■ What the task requires: Search the entries below for "leaf", and copy each line where it appears.

(Saved entries)
****************************************

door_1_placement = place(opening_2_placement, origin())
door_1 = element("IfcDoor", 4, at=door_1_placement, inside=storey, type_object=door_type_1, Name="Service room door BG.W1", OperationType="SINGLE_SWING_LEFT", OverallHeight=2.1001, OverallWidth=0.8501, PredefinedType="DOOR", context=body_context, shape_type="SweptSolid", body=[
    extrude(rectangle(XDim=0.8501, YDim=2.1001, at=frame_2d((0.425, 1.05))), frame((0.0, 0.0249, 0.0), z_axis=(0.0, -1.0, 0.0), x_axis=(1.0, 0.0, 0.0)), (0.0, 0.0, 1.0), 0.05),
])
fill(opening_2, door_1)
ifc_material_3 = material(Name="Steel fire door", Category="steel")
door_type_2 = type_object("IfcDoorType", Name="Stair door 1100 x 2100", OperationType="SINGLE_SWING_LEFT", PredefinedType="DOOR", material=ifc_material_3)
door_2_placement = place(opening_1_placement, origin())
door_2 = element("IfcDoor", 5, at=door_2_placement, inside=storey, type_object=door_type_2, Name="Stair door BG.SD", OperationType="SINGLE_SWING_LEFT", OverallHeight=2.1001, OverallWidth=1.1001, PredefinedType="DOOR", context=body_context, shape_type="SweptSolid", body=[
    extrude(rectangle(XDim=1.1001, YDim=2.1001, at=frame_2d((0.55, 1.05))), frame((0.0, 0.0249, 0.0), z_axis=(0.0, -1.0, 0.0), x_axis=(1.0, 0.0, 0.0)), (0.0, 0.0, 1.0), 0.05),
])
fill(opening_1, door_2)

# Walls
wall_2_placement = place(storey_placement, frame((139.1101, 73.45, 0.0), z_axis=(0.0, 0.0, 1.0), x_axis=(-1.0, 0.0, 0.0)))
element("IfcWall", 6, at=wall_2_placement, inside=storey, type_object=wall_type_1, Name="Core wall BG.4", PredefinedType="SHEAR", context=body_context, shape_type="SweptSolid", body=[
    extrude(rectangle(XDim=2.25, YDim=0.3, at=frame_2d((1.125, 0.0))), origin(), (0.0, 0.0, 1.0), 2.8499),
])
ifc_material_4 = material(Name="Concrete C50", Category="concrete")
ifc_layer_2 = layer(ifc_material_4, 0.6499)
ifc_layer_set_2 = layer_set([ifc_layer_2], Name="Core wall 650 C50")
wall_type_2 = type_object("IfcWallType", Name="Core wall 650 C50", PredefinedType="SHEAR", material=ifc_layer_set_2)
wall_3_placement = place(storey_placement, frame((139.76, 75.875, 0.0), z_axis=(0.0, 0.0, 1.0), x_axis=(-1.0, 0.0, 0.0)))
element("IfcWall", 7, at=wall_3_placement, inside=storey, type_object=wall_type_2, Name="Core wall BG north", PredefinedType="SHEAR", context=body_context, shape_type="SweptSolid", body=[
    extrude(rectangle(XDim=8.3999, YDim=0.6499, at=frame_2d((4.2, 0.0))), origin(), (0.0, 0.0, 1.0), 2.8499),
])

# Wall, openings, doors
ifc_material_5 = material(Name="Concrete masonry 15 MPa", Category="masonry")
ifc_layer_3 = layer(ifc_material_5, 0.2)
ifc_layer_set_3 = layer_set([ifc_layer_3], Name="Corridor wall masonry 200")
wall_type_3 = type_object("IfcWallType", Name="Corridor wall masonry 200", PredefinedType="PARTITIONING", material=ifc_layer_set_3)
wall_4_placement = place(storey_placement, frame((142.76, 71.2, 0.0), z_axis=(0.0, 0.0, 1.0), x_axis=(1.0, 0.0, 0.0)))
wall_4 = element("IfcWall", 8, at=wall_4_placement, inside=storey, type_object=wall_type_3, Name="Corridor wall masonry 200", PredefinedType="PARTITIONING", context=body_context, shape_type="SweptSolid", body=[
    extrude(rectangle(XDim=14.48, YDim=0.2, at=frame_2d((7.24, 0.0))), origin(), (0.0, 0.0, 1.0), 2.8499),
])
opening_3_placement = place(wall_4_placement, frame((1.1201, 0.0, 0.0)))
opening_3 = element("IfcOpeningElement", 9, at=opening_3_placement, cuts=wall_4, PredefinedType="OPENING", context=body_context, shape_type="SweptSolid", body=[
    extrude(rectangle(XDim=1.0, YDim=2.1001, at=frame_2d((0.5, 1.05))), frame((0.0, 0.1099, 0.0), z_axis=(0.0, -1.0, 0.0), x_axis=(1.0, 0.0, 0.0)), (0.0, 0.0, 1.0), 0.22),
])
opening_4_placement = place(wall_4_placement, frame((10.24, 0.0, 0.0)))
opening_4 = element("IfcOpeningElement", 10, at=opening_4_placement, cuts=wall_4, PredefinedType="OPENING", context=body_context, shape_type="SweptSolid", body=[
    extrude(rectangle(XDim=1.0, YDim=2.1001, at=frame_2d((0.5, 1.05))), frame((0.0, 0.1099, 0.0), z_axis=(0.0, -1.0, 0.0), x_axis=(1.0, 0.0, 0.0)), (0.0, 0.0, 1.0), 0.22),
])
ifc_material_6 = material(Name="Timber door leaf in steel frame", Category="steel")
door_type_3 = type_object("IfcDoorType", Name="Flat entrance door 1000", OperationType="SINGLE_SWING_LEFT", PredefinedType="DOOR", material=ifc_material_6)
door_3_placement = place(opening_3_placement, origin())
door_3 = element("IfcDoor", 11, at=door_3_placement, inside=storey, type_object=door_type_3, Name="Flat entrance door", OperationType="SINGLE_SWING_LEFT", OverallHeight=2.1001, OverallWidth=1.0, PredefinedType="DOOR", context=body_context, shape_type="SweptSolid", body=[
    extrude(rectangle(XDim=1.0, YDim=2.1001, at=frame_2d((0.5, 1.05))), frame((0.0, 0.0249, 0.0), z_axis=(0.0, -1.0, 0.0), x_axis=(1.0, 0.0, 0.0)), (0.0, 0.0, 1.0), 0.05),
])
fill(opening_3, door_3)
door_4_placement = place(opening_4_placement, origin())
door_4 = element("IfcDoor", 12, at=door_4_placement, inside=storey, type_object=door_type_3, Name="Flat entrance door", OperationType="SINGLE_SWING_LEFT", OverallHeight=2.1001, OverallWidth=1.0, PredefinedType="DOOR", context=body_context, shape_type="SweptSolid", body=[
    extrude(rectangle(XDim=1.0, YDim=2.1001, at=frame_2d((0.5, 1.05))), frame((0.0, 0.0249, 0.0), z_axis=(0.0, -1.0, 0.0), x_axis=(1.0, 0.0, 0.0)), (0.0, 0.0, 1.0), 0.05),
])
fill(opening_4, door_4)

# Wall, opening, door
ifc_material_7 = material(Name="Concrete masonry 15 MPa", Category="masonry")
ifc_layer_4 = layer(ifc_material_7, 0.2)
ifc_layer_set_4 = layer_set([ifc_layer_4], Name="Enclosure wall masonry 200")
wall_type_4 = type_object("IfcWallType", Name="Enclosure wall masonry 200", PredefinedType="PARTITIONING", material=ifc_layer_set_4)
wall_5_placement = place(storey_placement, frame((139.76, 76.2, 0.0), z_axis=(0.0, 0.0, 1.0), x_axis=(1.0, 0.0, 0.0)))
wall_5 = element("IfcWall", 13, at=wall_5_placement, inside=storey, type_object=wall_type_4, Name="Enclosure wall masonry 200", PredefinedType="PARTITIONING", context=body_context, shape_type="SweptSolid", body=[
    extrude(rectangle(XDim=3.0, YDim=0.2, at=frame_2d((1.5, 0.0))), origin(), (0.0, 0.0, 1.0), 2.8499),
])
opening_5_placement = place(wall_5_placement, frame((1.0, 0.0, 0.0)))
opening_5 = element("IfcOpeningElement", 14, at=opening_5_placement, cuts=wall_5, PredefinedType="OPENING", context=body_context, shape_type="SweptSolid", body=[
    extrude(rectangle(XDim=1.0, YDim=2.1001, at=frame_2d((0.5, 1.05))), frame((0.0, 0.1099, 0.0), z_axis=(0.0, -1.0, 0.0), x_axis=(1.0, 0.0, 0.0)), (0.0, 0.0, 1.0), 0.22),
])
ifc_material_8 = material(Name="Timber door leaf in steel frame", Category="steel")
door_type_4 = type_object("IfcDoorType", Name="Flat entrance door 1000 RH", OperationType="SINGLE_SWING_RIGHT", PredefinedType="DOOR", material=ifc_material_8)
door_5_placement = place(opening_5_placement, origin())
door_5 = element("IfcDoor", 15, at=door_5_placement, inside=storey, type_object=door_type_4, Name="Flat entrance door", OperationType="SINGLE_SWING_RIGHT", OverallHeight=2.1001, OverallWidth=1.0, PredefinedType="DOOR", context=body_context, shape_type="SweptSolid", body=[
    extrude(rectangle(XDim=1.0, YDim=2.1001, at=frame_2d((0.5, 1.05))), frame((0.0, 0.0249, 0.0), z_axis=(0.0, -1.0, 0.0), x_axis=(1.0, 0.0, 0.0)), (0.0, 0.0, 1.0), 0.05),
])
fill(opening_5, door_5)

****************************************

■ Answer to this exercise:
ifc_material_6 = material(Name="Timber door leaf in steel frame", Category="steel")
ifc_material_8 = material(Name="Timber door leaf in steel frame", Category="steel")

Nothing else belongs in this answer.